> **Requirement**
Reply only with how many lines in these entries hold the string "IFCPLATETYPE".

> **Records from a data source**
****************

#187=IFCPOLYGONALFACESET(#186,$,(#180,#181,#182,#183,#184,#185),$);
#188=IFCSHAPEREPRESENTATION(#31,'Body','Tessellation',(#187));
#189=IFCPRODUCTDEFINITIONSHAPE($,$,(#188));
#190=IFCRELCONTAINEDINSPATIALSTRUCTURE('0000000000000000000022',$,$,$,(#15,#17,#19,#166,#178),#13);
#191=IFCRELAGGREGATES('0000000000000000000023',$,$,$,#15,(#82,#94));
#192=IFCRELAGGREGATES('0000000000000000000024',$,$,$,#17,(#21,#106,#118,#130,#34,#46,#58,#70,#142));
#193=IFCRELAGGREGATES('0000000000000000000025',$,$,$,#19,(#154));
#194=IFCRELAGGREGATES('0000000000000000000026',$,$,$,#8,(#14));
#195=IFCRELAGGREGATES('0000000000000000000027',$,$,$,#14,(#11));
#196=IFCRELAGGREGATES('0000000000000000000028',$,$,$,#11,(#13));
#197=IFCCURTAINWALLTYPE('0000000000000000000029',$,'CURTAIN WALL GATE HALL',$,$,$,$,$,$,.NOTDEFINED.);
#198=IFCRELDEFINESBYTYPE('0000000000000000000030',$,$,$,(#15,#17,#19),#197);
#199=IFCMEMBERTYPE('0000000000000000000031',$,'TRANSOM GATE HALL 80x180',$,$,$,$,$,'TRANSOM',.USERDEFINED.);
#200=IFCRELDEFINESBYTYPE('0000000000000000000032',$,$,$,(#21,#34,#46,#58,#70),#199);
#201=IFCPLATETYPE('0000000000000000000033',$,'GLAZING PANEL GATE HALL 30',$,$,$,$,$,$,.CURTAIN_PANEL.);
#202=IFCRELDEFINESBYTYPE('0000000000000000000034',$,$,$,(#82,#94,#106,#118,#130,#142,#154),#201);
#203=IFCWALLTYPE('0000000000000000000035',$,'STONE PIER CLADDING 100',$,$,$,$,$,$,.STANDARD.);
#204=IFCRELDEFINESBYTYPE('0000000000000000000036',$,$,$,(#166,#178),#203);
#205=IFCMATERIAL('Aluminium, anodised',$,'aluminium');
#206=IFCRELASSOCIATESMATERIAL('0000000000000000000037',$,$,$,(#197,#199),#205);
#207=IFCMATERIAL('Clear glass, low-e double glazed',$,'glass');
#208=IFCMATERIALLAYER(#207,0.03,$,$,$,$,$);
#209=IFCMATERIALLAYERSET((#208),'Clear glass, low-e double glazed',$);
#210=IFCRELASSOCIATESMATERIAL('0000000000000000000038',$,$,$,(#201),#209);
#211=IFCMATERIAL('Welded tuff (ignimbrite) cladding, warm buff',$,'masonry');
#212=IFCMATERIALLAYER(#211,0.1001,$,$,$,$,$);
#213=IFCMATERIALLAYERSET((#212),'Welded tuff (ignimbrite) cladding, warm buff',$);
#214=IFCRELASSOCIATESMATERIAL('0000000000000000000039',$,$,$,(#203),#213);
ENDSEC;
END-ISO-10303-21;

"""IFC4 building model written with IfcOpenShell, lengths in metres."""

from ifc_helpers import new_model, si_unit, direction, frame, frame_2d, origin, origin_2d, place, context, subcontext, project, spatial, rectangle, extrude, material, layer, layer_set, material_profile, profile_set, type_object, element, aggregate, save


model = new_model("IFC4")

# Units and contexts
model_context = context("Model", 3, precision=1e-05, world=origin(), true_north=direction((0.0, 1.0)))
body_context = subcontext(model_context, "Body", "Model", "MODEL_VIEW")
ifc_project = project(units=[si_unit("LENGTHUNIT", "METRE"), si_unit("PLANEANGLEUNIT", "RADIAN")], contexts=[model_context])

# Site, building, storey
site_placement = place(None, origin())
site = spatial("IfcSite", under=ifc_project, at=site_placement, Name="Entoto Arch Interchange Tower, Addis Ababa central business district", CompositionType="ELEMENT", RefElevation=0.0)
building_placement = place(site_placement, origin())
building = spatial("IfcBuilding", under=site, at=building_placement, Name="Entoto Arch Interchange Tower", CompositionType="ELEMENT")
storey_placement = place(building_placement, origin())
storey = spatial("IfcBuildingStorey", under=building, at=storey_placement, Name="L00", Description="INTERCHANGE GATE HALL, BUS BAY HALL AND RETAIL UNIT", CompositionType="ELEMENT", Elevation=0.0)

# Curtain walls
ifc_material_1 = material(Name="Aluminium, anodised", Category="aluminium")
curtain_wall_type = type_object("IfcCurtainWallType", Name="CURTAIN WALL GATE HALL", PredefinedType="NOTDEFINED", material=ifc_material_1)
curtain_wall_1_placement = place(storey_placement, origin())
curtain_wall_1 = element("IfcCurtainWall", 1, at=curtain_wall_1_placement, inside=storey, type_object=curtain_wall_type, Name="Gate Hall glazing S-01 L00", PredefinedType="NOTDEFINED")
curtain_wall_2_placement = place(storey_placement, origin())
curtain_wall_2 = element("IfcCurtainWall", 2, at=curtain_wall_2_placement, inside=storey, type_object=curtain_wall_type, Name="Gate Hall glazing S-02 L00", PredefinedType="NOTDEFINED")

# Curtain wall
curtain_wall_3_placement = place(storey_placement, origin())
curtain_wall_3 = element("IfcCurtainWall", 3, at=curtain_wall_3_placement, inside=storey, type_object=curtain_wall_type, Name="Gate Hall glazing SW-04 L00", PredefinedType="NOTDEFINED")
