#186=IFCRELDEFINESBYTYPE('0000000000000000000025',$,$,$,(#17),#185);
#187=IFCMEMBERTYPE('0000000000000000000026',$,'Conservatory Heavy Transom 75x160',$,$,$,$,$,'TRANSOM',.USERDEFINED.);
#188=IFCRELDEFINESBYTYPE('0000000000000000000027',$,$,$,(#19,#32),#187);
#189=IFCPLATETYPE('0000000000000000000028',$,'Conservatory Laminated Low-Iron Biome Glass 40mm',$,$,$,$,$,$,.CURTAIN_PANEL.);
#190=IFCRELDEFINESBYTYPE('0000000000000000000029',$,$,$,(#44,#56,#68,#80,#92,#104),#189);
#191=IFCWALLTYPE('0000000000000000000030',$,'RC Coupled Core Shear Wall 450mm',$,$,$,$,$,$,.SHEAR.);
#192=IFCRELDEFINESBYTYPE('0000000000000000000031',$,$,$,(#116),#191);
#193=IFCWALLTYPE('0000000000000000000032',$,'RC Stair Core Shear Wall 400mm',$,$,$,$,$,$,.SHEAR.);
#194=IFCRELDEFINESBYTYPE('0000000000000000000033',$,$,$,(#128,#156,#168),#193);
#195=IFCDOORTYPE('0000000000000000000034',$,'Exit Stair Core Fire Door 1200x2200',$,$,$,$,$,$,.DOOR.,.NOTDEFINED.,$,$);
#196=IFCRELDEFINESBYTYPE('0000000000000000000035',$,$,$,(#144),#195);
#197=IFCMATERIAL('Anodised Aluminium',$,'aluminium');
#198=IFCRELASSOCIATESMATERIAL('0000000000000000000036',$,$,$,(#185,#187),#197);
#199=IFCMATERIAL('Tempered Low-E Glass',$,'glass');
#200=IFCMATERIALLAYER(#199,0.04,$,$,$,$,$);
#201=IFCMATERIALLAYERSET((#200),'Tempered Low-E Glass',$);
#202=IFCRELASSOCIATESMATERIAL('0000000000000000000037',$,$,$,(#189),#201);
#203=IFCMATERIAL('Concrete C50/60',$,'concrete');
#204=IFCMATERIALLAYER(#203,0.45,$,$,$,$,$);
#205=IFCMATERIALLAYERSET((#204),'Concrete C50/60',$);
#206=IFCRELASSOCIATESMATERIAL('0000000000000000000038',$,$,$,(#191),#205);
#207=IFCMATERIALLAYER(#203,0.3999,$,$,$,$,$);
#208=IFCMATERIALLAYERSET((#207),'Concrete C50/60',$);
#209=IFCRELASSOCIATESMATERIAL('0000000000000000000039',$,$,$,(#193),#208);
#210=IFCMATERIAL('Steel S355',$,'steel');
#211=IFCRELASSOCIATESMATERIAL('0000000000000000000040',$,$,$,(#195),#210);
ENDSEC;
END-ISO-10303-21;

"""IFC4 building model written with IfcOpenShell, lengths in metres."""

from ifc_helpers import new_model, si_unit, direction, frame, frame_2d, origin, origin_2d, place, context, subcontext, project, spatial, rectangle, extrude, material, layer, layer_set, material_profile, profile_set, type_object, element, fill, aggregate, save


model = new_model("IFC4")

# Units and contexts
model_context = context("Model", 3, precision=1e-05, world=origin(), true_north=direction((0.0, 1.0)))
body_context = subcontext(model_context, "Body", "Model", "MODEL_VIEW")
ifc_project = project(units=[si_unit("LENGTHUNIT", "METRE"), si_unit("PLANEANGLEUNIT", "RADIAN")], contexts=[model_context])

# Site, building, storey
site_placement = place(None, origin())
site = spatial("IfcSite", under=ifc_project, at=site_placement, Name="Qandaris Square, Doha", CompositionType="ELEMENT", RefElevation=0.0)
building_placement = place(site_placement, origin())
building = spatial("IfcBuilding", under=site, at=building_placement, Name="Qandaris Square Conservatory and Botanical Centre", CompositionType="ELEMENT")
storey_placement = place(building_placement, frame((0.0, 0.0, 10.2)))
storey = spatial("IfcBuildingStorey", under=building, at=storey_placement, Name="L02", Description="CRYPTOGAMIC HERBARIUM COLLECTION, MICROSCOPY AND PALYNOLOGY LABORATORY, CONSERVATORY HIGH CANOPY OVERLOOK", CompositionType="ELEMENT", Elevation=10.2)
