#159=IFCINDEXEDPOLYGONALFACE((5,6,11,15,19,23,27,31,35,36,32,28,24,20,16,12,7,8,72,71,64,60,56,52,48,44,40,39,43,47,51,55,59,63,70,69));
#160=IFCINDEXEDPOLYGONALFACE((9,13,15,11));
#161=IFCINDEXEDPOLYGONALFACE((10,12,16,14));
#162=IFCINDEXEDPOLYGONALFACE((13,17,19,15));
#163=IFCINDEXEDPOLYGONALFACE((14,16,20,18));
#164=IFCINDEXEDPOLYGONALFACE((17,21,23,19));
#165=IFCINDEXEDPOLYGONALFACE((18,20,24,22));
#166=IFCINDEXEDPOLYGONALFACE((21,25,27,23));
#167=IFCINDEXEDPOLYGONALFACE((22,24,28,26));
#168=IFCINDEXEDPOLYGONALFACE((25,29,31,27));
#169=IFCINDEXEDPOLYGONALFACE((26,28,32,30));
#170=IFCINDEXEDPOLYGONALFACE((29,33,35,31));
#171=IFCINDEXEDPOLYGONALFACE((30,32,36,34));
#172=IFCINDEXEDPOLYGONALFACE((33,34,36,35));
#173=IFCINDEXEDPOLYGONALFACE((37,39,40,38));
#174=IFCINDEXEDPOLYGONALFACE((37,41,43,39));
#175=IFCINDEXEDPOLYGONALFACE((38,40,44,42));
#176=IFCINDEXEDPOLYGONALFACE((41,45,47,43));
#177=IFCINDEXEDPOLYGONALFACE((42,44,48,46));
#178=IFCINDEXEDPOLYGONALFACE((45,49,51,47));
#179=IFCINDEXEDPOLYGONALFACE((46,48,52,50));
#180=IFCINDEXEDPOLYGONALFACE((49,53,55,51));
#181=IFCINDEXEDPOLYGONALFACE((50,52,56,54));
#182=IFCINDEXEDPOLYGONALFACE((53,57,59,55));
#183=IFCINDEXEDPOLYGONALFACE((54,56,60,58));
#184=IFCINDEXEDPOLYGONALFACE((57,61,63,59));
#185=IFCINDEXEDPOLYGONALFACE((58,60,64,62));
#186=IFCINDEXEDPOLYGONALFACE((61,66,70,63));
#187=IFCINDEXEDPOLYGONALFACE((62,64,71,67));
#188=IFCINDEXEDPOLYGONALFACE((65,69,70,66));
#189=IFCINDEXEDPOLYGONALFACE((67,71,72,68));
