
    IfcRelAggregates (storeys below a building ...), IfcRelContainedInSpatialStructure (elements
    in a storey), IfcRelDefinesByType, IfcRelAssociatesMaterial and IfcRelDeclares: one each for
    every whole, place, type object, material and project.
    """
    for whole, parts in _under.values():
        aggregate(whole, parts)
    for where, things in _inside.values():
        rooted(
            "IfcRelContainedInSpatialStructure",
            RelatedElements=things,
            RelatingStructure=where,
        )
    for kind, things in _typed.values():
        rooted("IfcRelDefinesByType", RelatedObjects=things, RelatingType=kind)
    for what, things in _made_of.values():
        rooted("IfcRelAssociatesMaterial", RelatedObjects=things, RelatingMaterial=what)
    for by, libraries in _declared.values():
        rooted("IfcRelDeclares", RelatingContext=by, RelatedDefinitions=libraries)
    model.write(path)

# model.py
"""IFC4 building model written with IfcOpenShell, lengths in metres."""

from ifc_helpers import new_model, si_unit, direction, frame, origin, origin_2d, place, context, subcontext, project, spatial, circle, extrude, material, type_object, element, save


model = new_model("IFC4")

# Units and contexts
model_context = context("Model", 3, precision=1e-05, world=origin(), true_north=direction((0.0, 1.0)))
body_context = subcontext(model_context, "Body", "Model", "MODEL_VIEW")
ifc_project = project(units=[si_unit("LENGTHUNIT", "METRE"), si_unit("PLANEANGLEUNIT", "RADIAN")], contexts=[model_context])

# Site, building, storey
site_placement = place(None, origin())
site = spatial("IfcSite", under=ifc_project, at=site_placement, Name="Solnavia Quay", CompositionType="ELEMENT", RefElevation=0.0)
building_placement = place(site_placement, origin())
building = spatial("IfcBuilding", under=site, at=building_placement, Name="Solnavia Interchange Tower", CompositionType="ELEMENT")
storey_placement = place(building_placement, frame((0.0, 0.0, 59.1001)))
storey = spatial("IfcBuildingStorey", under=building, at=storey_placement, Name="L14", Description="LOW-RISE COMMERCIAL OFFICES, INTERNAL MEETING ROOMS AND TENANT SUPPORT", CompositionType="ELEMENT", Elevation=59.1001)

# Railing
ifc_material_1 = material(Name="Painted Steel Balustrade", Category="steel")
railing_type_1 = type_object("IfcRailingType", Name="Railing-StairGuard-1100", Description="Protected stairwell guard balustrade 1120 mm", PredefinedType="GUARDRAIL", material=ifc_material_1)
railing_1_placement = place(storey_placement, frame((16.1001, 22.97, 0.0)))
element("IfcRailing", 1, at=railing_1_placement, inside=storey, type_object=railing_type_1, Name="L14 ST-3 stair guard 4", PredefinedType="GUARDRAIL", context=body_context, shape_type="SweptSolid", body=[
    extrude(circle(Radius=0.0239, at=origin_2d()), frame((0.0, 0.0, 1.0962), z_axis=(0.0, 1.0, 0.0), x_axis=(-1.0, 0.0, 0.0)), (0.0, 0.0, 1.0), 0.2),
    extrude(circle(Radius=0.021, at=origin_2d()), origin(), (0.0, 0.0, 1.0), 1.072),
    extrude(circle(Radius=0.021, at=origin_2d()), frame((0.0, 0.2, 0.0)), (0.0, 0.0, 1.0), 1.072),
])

****************

> **Your response**
2